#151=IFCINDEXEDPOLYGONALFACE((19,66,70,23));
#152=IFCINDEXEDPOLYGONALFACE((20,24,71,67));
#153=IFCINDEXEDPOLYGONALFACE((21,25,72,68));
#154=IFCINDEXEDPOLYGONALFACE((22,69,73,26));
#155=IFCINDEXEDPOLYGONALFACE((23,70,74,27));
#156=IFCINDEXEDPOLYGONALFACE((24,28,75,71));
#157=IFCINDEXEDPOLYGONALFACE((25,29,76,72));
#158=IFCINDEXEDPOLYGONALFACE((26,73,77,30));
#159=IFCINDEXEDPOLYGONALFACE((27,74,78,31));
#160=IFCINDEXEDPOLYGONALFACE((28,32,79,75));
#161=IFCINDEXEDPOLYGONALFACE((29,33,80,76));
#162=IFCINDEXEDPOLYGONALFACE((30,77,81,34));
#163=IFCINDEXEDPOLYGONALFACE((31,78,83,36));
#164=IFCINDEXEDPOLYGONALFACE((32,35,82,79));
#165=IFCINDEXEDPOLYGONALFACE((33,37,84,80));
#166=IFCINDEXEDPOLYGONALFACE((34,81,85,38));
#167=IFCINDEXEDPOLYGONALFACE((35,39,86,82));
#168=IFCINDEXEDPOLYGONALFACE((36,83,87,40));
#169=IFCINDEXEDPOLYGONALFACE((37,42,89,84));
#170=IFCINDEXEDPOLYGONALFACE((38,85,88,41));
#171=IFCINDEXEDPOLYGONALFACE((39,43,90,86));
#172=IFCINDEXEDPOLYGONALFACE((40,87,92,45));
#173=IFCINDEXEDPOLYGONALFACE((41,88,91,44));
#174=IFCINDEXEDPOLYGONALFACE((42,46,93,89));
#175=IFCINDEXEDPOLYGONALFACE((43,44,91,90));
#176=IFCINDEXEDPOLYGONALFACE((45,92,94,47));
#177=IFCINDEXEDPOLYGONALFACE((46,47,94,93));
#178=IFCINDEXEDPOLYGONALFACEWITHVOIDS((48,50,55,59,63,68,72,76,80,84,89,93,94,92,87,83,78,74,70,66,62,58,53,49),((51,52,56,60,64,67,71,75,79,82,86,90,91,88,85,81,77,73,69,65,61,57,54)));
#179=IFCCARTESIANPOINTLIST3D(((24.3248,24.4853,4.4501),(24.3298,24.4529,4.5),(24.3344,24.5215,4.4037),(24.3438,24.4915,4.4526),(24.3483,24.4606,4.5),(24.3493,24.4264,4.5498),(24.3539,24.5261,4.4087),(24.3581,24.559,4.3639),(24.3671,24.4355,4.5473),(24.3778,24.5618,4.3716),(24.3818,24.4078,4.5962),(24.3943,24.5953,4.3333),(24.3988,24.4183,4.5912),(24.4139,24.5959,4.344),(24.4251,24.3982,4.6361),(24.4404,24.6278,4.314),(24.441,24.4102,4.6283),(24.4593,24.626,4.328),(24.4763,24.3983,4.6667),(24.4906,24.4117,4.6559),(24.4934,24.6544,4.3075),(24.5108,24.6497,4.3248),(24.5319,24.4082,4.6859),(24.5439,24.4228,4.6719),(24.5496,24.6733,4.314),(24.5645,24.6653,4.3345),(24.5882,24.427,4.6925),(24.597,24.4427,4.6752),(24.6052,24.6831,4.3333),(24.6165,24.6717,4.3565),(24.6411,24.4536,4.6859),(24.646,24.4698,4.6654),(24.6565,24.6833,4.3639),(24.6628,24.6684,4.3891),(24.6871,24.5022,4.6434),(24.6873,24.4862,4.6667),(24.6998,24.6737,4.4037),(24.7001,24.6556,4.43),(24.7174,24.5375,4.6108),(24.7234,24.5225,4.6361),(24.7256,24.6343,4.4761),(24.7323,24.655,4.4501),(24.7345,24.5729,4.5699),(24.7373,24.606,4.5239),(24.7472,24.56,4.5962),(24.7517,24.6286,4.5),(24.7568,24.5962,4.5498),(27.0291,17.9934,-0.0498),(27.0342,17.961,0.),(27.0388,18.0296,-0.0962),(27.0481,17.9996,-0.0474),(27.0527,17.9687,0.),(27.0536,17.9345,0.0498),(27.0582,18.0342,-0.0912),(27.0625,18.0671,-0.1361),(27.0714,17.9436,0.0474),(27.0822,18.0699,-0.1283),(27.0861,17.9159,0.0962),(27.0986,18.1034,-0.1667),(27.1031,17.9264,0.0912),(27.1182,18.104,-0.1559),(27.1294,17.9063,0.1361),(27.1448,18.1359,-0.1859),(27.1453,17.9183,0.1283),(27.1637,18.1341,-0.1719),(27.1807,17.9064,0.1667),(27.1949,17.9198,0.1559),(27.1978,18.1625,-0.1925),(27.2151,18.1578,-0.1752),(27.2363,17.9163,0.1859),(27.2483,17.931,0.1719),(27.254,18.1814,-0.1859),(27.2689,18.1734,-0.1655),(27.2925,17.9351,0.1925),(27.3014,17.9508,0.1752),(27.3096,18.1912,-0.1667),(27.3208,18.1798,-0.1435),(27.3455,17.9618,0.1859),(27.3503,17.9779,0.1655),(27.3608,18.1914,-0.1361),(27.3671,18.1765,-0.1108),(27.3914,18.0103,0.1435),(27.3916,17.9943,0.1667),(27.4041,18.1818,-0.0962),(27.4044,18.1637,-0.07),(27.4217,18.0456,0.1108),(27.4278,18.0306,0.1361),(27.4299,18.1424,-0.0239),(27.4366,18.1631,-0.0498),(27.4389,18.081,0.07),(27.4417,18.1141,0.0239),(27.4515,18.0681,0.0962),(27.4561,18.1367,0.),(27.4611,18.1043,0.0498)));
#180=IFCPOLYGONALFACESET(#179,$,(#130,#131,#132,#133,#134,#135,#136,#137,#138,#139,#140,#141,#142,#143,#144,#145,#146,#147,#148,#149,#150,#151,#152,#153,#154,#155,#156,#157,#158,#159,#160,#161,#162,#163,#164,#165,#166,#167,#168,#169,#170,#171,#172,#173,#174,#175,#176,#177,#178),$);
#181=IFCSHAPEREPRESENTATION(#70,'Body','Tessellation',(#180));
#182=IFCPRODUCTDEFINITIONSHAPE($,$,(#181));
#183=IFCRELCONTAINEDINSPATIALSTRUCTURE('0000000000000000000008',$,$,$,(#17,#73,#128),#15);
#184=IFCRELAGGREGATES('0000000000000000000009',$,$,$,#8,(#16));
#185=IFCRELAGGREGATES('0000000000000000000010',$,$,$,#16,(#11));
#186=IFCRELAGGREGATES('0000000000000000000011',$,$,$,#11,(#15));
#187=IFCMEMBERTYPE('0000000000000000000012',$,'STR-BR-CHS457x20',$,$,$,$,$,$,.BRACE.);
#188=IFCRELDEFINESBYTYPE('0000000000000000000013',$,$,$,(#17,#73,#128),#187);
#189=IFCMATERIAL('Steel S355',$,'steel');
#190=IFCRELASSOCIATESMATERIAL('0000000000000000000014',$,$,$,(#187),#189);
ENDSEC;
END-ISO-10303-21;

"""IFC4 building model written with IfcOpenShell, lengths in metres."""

* **PROBLEM REQUIREMENTS**:
Only the lines from the first line of the records through the one containing "#165=IFCINDEXEDPOLYGONALFACE((33,37,84,80));" should be reproduced, exactly, with both of them included.

* **TASK SOLUTION**:
#151=IFCINDEXEDPOLYGONALFACE((19,66,70,23));
#152=IFCINDEXEDPOLYGONALFACE((20,24,71,67));
#153=IFCINDEXEDPOLYGONALFACE((21,25,72,68));
#154=IFCINDEXEDPOLYGONALFACE((22,69,73,26));
#155=IFCINDEXEDPOLYGONALFACE((23,70,74,27));
#156=IFCINDEXEDPOLYGONALFACE((24,28,75,71));
#157=IFCINDEXEDPOLYGONALFACE((25,29,76,72));
#158=IFCINDEXEDPOLYGONALFACE((26,73,77,30));
#159=IFCINDEXEDPOLYGONALFACE((27,74,78,31));
#160=IFCINDEXEDPOLYGONALFACE((28,32,79,75));
#161=IFCINDEXEDPOLYGONALFACE((29,33,80,76));
#162=IFCINDEXEDPOLYGONALFACE((30,77,81,34));
#163=IFCINDEXEDPOLYGONALFACE((31,78,83,36));
#164=IFCINDEXEDPOLYGONALFACE((32,35,82,79));
#165=IFCINDEXEDPOLYGONALFACE((33,37,84,80));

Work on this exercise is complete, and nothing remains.